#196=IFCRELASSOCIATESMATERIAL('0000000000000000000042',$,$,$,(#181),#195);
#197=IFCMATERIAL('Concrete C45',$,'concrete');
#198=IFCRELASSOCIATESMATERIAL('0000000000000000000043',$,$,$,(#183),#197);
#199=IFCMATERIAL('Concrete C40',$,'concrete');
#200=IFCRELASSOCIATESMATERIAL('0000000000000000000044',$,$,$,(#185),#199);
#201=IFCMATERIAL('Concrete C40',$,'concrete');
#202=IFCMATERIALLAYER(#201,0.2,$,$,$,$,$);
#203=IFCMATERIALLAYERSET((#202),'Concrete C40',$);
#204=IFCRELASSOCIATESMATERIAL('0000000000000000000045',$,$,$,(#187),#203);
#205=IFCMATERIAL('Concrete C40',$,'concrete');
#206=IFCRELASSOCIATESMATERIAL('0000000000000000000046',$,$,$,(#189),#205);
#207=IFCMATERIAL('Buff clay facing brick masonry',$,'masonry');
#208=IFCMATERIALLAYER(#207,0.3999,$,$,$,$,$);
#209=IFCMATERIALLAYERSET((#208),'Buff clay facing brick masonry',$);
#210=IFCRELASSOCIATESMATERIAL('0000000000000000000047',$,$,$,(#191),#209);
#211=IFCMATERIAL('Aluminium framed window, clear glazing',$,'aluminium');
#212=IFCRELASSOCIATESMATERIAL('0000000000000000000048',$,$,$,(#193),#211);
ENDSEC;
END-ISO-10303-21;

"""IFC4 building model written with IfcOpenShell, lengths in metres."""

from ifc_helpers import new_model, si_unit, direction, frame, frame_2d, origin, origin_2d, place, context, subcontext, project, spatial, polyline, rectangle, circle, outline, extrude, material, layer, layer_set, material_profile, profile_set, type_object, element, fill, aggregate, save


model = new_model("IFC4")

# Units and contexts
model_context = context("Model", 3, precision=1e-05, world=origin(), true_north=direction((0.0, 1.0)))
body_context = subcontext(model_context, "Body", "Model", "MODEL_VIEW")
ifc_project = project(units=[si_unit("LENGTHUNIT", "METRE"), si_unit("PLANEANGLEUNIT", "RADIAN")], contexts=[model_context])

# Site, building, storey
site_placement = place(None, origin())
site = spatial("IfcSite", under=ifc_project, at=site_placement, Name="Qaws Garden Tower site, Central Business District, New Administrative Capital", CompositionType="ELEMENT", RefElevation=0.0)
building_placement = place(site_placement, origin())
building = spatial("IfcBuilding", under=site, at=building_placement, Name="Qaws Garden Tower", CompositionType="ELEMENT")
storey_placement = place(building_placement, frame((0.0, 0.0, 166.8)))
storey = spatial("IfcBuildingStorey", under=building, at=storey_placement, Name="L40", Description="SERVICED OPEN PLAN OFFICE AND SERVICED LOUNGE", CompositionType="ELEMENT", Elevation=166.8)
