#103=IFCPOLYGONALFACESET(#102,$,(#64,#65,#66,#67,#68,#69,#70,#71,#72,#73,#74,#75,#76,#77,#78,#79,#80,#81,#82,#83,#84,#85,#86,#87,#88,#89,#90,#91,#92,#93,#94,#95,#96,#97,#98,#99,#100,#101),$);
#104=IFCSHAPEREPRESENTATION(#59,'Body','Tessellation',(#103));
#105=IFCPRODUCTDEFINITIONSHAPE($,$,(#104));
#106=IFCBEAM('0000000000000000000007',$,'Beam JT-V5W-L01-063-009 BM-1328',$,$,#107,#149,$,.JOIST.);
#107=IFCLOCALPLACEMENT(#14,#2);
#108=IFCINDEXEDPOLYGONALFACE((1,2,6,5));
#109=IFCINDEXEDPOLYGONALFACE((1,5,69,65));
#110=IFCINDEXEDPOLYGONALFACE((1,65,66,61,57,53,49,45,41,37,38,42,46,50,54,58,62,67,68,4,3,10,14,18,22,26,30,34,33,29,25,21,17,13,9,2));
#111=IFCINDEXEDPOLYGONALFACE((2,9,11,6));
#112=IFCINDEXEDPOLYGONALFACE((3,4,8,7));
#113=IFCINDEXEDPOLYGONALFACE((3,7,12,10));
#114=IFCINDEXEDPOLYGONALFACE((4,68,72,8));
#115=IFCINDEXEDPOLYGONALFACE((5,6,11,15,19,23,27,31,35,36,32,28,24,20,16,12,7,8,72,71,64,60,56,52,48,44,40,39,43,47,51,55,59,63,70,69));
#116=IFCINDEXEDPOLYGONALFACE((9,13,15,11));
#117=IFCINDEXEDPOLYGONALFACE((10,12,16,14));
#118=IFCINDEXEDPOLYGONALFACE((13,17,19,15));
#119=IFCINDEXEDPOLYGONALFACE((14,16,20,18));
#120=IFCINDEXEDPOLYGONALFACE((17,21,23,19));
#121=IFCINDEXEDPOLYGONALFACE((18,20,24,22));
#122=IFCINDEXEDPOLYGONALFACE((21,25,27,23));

**Exercise description:** From the material above, determine how many lines hold the string "contexts"; give the number without comment.

**Response box:** 2